*Assigned task*
For this exercise, set down all the records exactly as given.

[Items from a data source]
==*==

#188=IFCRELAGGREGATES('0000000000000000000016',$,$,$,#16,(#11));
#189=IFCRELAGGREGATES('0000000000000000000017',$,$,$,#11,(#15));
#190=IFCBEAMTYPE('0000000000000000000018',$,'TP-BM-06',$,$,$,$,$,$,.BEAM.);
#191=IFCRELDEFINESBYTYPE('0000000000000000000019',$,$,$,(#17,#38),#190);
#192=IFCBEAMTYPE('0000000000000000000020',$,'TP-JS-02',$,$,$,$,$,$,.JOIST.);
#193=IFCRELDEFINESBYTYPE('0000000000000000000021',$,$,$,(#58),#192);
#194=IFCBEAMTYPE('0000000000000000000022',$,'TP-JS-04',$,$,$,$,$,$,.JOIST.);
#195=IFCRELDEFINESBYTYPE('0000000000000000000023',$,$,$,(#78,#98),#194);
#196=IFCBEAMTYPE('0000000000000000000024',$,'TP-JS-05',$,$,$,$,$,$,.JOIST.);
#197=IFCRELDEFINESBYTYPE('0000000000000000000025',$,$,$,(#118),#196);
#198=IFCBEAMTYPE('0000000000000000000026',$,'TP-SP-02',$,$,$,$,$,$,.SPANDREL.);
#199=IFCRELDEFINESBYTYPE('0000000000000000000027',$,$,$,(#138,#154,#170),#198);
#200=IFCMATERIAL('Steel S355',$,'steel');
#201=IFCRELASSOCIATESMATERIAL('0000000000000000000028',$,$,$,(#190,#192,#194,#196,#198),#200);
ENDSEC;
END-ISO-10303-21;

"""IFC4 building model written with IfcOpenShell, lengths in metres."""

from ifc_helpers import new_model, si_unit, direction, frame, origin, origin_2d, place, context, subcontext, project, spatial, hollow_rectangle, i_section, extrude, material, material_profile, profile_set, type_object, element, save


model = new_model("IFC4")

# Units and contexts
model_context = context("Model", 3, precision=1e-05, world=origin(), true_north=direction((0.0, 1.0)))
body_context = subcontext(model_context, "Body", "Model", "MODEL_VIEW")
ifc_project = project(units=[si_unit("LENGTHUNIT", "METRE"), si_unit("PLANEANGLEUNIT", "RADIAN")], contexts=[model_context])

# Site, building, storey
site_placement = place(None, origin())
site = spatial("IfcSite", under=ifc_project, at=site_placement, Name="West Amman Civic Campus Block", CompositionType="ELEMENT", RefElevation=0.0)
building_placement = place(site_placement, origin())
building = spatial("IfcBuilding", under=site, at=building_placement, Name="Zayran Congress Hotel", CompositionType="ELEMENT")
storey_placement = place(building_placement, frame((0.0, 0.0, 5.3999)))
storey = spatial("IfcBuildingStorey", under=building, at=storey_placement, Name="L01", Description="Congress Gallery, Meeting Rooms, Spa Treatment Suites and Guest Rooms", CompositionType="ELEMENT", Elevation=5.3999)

==*==

*Written response*
#188=IFCRELAGGREGATES('0000000000000000000016',$,$,$,#16,(#11));
#189=IFCRELAGGREGATES('0000000000000000000017',$,$,$,#11,(#15));
#190=IFCBEAMTYPE('0000000000000000000018',$,'TP-BM-06',$,$,$,$,$,$,.BEAM.);
#191=IFCRELDEFINESBYTYPE('0000000000000000000019',$,$,$,(#17,#38),#190);
#192=IFCBEAMTYPE('0000000000000000000020',$,'TP-JS-02',$,$,$,$,$,$,.JOIST.);
#193=IFCRELDEFINESBYTYPE('0000000000000000000021',$,$,$,(#58),#192);
#194=IFCBEAMTYPE('0000000000000000000022',$,'TP-JS-04',$,$,$,$,$,$,.JOIST.);
#195=IFCRELDEFINESBYTYPE('0000000000000000000023',$,$,$,(#78,#98),#194);
#196=IFCBEAMTYPE('0000000000000000000024',$,'TP-JS-05',$,$,$,$,$,$,.JOIST.);
#197=IFCRELDEFINESBYTYPE('0000000000000000000025',$,$,$,(#118),#196);
#198=IFCBEAMTYPE('0000000000000000000026',$,'TP-SP-02',$,$,$,$,$,$,.SPANDREL.);
#199=IFCRELDEFINESBYTYPE('0000000000000000000027',$,$,$,(#138,#154,#170),#198);
#200=IFCMATERIAL('Steel S355',$,'steel');
#201=IFCRELASSOCIATESMATERIAL('0000000000000000000028',$,$,$,(#190,#192,#194,#196,#198),#200);
ENDSEC;
END-ISO-10303-21;

"""IFC4 building model written with IfcOpenShell, lengths in metres."""

from ifc_helpers import new_model, si_unit, direction, frame, origin, origin_2d, place, context, subcontext, project, spatial, hollow_rectangle, i_section, extrude, material, material_profile, profile_set, type_object, element, save


model = new_model("IFC4")

# Units and contexts
model_context = context("Model", 3, precision=1e-05, world=origin(), true_north=direction((0.0, 1.0)))
body_context = subcontext(model_context, "Body", "Model", "MODEL_VIEW")
ifc_project = project(units=[si_unit("LENGTHUNIT", "METRE"), si_unit("PLANEANGLEUNIT", "RADIAN")], contexts=[model_context])

# Site, building, storey
site_placement = place(None, origin())
site = spatial("IfcSite", under=ifc_project, at=site_placement, Name="West Amman Civic Campus Block", CompositionType="ELEMENT", RefElevation=0.0)
building_placement = place(site_placement, origin())
building = spatial("IfcBuilding", under=site, at=building_placement, Name="Zayran Congress Hotel", CompositionType="ELEMENT")
storey_placement = place(building_placement, frame((0.0, 0.0, 5.3999)))
storey = spatial("IfcBuildingStorey", under=building, at=storey_placement, Name="L01", Description="Congress Gallery, Meeting Rooms, Spa Treatment Suites and Guest Rooms", CompositionType="ELEMENT", Elevation=5.3999)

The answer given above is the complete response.